Reproduce every record exactly.
[[ DATA SECTION open ]]
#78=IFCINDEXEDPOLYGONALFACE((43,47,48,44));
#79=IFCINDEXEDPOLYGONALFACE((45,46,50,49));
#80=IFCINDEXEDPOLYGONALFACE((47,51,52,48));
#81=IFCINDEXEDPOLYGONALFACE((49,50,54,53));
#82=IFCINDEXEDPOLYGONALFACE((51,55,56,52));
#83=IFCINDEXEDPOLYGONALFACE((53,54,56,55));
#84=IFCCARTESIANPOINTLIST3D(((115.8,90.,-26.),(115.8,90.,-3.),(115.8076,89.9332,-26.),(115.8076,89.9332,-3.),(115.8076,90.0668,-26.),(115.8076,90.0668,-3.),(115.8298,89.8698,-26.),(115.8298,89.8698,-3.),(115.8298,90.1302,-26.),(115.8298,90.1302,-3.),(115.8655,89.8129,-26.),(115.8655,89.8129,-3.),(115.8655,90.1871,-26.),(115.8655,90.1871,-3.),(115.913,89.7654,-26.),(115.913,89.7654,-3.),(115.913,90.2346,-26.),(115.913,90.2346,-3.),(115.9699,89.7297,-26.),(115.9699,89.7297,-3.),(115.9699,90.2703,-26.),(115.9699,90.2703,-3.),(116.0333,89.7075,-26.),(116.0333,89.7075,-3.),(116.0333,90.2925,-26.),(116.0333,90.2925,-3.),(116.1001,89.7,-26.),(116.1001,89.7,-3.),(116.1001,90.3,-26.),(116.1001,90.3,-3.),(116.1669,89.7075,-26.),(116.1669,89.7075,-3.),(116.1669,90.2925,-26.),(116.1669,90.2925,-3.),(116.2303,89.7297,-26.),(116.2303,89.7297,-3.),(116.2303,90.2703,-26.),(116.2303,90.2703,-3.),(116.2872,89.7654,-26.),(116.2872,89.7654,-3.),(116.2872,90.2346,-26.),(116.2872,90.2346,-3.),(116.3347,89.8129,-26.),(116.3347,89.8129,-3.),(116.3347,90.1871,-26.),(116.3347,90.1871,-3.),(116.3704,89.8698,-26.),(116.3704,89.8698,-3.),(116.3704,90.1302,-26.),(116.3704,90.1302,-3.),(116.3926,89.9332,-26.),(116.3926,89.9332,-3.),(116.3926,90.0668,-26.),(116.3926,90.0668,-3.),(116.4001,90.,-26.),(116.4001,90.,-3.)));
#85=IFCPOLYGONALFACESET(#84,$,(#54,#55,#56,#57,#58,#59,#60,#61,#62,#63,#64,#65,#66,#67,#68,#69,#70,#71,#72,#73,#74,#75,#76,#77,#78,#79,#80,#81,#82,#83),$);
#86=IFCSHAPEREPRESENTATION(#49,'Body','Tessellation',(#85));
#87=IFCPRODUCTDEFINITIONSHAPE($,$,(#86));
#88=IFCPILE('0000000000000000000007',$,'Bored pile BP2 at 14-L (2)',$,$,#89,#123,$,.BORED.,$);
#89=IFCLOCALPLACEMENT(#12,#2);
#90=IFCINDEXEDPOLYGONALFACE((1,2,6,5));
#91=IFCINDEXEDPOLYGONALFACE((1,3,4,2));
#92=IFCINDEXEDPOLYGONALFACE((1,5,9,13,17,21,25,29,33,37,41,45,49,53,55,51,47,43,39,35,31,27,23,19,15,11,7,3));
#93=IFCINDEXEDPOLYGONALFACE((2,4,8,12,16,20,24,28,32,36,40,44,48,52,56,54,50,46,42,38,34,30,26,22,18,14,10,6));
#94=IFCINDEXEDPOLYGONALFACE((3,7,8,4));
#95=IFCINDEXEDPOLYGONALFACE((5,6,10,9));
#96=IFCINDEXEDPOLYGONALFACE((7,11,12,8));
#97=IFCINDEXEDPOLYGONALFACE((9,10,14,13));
[[ DATA SECTION closed ]]
**RESULT:**
#78=IFCINDEXEDPOLYGONALFACE((43,47,48,44));
#79=IFCINDEXEDPOLYGONALFACE((45,46,50,49));
#80=IFCINDEXEDPOLYGONALFACE((47,51,52,48));
#81=IFCINDEXEDPOLYGONALFACE((49,50,54,53));
#82=IFCINDEXEDPOLYGONALFACE((51,55,56,52));
#83=IFCINDEXEDPOLYGONALFACE((53,54,56,55));
#84=IFCCARTESIANPOINTLIST3D(((115.8,90.,-26.),(115.8,90.,-3.),(115.8076,89.9332,-26.),(115.8076,89.9332,-3.),(115.8076,90.0668,-26.),(115.8076,90.0668,-3.),(115.8298,89.8698,-26.),(115.8298,89.8698,-3.),(115.8298,90.1302,-26.),(115.8298,90.1302,-3.),(115.8655,89.8129,-26.),(115.8655,89.8129,-3.),(115.8655,90.1871,-26.),(115.8655,90.1871,-3.),(115.913,89.7654,-26.),(115.913,89.7654,-3.),(115.913,90.2346,-26.),(115.913,90.2346,-3.),(115.9699,89.7297,-26.),(115.9699,89.7297,-3.),(115.9699,90.2703,-26.),(115.9699,90.2703,-3.),(116.0333,89.7075,-26.),(116.0333,89.7075,-3.),(116.0333,90.2925,-26.),(116.0333,90.2925,-3.),(116.1001,89.7,-26.),(116.1001,89.7,-3.),(116.1001,90.3,-26.),(116.1001,90.3,-3.),(116.1669,89.7075,-26.),(116.1669,89.7075,-3.),(116.1669,90.2925,-26.),(116.1669,90.2925,-3.),(116.2303,89.7297,-26.),(116.2303,89.7297,-3.),(116.2303,90.2703,-26.),(116.2303,90.2703,-3.),(116.2872,89.7654,-26.),(116.2872,89.7654,-3.),(116.2872,90.2346,-26.),(116.2872,90.2346,-3.),(116.3347,89.8129,-26.),(116.3347,89.8129,-3.),(116.3347,90.1871,-26.),(116.3347,90.1871,-3.),(116.3704,89.8698,-26.),(116.3704,89.8698,-3.),(116.3704,90.1302,-26.),(116.3704,90.1302,-3.),(116.3926,89.9332,-26.),(116.3926,89.9332,-3.),(116.3926,90.0668,-26.),(116.3926,90.0668,-3.),(116.4001,90.,-26.),(116.4001,90.,-3.)));
#85=IFCPOLYGONALFACESET(#84,$,(#54,#55,#56,#57,#58,#59,#60,#61,#62,#63,#64,#65,#66,#67,#68,#69,#70,#71,#72,#73,#74,#75,#76,#77,#78,#79,#80,#81,#82,#83),$);
#86=IFCSHAPEREPRESENTATION(#49,'Body','Tessellation',(#85));
#87=IFCPRODUCTDEFINITIONSHAPE($,$,(#86));
#88=IFCPILE('0000000000000000000007',$,'Bored pile BP2 at 14-L (2)',$,$,#89,#123,$,.BORED.,$);
#89=IFCLOCALPLACEMENT(#12,#2);
#90=IFCINDEXEDPOLYGONALFACE((1,2,6,5));
#91=IFCINDEXEDPOLYGONALFACE((1,3,4,2));
#92=IFCINDEXEDPOLYGONALFACE((1,5,9,13,17,21,25,29,33,37,41,45,49,53,55,51,47,43,39,35,31,27,23,19,15,11,7,3));
#93=IFCINDEXEDPOLYGONALFACE((2,4,8,12,16,20,24,28,32,36,40,44,48,52,56,54,50,46,42,38,34,30,26,22,18,14,10,6));
#94=IFCINDEXEDPOLYGONALFACE((3,7,8,4));
#95=IFCINDEXEDPOLYGONALFACE((5,6,10,9));
#96=IFCINDEXEDPOLYGONALFACE((7,11,12,8));
#97=IFCINDEXEDPOLYGONALFACE((9,10,14,13));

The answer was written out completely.